RECORDS PROVIDED Block Start

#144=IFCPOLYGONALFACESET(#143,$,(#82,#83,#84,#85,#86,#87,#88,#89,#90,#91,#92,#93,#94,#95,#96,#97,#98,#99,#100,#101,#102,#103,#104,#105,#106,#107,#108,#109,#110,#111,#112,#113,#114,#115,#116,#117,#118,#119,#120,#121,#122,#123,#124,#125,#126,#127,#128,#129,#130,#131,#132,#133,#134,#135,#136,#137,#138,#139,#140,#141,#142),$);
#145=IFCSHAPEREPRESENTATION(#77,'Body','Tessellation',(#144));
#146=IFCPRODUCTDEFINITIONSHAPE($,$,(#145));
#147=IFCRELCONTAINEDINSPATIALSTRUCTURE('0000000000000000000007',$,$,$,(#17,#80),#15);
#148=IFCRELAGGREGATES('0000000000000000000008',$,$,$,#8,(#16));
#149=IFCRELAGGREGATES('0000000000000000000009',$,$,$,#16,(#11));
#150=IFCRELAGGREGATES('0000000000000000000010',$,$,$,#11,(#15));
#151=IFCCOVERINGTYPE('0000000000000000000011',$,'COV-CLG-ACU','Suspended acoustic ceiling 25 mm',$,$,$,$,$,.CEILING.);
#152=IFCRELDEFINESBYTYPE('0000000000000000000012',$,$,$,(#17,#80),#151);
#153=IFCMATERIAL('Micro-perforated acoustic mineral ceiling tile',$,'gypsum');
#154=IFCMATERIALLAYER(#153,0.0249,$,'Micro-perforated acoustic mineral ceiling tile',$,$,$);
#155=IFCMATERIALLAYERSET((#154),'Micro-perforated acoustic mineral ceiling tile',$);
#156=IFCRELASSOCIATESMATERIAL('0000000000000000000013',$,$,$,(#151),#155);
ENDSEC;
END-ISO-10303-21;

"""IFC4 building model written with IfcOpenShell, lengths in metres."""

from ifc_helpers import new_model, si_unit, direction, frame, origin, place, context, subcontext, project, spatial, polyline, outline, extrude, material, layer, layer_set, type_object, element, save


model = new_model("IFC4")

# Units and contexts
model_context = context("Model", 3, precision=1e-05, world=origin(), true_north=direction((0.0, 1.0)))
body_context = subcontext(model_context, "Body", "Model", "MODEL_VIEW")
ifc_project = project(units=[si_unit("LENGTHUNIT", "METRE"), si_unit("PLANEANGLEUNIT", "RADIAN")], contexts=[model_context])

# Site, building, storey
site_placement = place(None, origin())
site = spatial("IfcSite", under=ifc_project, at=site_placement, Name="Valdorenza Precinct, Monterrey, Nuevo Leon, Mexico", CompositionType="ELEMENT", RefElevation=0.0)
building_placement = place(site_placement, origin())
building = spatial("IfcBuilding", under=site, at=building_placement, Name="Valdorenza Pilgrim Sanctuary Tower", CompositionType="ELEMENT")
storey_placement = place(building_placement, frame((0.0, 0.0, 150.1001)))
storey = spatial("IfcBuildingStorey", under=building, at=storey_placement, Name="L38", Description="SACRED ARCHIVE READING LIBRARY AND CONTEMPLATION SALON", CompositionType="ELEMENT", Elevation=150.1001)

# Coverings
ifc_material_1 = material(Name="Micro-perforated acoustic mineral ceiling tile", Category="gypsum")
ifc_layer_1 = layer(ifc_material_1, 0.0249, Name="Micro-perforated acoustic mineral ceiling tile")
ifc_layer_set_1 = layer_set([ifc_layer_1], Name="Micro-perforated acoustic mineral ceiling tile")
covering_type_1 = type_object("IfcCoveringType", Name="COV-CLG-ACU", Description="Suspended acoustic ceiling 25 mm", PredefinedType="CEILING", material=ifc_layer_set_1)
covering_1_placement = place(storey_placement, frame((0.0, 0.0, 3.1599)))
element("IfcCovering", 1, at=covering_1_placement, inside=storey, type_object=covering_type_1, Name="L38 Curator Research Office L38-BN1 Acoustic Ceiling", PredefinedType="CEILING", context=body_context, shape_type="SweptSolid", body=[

RECORDS PROVIDED Block End
RECORDS PROVIDED Block Start

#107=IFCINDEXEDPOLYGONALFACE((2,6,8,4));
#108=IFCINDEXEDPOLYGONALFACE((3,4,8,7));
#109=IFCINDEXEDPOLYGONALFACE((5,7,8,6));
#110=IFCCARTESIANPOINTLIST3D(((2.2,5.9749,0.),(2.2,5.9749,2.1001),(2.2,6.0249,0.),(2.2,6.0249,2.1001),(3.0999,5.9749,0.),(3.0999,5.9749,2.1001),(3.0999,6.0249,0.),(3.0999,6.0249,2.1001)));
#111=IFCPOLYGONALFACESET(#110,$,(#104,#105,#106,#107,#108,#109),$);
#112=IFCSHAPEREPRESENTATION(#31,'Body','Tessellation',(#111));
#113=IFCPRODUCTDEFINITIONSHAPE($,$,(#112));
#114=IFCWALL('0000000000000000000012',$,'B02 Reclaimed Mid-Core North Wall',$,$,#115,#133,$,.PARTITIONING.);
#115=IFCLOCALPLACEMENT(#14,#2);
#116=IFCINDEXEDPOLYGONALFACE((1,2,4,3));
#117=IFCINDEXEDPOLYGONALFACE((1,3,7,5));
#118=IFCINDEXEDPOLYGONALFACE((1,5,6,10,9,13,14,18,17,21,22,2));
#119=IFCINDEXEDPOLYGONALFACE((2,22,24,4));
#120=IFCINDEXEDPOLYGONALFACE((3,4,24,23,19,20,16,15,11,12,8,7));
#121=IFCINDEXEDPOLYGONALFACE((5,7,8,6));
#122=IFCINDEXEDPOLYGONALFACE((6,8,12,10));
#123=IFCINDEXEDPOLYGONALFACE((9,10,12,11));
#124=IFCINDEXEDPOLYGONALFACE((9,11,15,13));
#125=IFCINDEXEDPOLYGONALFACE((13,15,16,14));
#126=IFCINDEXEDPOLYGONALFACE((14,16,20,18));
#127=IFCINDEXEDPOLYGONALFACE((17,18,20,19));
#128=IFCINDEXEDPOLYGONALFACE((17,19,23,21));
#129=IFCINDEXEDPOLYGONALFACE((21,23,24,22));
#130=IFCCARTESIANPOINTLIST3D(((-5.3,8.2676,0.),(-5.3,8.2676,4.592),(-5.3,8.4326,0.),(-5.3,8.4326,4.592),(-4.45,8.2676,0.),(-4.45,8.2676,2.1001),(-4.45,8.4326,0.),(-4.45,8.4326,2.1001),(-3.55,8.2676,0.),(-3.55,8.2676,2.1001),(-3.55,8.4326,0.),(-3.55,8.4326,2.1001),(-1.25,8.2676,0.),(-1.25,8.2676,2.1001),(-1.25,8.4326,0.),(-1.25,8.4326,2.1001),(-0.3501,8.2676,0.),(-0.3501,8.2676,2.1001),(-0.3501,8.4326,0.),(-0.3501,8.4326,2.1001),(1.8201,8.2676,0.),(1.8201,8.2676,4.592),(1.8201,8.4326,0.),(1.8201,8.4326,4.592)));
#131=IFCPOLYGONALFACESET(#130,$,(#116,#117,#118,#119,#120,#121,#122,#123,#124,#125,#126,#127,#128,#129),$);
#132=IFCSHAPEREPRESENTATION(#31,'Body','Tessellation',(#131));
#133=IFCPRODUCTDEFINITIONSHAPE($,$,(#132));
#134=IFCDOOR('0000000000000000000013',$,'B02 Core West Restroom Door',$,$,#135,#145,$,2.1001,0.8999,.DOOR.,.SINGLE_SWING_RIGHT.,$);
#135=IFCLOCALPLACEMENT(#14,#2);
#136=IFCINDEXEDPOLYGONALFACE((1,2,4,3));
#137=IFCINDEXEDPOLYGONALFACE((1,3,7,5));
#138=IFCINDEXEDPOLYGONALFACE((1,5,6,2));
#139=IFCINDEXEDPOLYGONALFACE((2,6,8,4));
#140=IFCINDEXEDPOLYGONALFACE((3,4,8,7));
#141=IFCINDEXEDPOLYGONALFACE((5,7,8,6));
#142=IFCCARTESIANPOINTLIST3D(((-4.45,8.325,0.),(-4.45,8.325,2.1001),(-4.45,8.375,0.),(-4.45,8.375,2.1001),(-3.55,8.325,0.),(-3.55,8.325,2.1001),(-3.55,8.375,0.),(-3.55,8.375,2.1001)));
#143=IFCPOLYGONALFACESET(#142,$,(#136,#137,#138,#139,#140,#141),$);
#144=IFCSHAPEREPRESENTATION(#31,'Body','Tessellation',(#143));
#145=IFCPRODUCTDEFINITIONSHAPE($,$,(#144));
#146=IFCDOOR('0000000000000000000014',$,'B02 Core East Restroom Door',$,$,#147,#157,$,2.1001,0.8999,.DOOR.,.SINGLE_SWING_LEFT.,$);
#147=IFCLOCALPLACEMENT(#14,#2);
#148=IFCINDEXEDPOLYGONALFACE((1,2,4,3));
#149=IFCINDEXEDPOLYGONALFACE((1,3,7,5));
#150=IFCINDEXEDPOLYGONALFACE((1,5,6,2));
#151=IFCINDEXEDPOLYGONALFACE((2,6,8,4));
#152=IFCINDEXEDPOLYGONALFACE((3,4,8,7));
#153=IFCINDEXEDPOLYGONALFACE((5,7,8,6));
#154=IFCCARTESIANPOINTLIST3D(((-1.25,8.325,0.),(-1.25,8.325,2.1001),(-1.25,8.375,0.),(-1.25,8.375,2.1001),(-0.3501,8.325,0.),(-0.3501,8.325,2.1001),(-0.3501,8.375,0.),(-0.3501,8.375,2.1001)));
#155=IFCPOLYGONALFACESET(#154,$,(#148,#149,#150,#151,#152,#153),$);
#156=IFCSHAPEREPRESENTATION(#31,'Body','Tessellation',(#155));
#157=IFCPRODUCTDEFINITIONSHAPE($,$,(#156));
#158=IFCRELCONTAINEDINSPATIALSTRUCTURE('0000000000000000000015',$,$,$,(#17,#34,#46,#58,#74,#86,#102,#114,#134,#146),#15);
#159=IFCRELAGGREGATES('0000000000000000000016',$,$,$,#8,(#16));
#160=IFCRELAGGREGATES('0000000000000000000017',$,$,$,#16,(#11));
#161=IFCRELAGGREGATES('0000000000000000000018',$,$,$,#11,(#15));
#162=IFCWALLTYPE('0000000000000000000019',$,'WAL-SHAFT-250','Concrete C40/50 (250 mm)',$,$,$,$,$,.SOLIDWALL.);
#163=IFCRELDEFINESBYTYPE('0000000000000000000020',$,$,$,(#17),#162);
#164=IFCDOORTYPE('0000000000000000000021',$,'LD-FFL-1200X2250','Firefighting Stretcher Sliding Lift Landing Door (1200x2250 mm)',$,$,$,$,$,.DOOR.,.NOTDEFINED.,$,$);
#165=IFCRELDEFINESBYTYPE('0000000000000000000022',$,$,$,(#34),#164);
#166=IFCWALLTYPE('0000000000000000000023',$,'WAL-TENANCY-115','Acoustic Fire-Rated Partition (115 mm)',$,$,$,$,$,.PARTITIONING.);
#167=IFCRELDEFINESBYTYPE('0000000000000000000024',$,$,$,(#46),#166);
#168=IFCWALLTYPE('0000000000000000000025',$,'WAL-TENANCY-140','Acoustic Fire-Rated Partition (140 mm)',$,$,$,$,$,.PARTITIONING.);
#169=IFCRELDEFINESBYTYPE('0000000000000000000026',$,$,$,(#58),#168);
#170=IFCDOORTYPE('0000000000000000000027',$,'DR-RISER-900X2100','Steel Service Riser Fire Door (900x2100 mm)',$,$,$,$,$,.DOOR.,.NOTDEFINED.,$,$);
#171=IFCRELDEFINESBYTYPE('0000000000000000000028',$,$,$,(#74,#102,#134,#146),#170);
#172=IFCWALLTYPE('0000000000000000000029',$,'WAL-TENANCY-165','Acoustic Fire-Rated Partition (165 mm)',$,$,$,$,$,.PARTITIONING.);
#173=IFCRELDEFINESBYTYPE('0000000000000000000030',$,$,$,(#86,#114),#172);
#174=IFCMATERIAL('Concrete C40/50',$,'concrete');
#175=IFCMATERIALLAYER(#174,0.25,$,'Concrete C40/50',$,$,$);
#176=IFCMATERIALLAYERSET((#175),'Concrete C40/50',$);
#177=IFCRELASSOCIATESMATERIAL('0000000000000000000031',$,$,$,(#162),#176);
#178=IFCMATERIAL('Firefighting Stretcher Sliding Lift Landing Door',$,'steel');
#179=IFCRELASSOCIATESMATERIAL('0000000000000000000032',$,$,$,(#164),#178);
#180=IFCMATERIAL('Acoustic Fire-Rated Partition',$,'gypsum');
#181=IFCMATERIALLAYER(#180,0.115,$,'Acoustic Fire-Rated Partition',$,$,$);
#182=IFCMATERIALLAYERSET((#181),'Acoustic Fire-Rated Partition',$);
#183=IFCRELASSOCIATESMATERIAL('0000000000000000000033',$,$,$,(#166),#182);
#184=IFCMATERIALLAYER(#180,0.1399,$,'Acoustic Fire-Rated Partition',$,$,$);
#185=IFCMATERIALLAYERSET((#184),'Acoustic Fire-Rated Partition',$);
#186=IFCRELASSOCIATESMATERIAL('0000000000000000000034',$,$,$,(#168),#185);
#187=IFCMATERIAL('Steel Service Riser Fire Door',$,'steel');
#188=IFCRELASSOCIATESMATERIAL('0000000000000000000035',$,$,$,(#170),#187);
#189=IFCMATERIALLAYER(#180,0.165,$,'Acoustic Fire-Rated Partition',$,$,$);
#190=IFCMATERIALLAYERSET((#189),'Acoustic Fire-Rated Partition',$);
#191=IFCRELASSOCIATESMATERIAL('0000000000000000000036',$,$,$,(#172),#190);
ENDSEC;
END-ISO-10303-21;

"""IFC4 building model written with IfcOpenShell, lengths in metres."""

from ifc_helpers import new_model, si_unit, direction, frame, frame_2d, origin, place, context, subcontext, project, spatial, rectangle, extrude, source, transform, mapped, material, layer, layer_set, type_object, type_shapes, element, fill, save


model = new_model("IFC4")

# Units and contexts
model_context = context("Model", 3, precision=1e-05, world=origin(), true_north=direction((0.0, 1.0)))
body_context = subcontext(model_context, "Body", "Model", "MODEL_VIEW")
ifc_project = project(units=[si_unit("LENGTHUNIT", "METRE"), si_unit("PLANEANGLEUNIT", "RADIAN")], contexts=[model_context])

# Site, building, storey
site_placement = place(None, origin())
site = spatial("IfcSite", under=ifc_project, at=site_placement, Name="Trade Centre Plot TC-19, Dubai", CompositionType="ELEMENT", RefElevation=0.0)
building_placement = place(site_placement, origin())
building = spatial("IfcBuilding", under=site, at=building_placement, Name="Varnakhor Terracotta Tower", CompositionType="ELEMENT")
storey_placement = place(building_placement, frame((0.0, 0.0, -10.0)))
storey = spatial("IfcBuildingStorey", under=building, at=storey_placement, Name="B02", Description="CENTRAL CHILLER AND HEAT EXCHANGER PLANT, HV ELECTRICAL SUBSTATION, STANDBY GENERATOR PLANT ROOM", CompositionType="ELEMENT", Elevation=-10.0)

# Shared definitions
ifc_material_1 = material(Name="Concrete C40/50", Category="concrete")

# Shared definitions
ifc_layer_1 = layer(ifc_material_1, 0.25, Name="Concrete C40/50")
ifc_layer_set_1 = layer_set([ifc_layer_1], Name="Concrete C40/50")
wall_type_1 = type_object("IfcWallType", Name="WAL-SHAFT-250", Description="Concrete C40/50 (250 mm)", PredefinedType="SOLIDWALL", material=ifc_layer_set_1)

RECORDS PROVIDED Block End
RECORDS PROVIDED Block Start

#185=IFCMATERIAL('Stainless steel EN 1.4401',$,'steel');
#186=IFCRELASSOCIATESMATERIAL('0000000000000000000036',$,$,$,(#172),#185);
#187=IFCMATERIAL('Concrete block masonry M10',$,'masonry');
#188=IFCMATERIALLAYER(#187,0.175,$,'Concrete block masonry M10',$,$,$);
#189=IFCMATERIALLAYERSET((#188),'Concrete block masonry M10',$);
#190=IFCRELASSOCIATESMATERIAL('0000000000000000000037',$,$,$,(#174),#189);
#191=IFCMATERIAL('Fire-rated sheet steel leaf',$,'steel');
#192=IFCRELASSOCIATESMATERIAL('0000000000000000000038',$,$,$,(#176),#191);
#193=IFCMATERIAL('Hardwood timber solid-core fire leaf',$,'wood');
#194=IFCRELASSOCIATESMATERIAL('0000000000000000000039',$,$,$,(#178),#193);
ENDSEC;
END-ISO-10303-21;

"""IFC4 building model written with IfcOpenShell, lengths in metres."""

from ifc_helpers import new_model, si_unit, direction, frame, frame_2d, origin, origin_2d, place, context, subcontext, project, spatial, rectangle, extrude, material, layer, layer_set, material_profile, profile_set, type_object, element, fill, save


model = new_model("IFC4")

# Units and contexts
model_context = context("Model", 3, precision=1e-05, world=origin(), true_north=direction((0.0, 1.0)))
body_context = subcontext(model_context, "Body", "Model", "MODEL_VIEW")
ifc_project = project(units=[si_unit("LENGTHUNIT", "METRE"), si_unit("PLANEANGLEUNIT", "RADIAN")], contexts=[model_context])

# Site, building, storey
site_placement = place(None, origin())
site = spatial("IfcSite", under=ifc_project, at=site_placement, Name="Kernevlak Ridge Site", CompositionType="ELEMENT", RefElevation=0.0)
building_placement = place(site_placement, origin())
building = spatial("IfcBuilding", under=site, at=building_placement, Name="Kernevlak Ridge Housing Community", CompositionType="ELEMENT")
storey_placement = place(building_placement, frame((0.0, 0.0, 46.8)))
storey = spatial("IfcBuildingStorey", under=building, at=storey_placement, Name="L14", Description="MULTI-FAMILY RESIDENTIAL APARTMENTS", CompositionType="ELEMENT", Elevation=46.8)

RECORDS PROVIDED Block End

- _DESCRIPTION OF THE TASK_: The required output is every line above that contains the string "Firefighting".

- _PROBLEM SOLUTION_:
#164=IFCDOORTYPE('0000000000000000000021',$,'LD-FFL-1200X2250','Firefighting Stretcher Sliding Lift Landing Door (1200x2250 mm)',$,$,$,$,$,.DOOR.,.NOTDEFINED.,$,$);
#178=IFCMATERIAL('Firefighting Stretcher Sliding Lift Landing Door',$,'steel');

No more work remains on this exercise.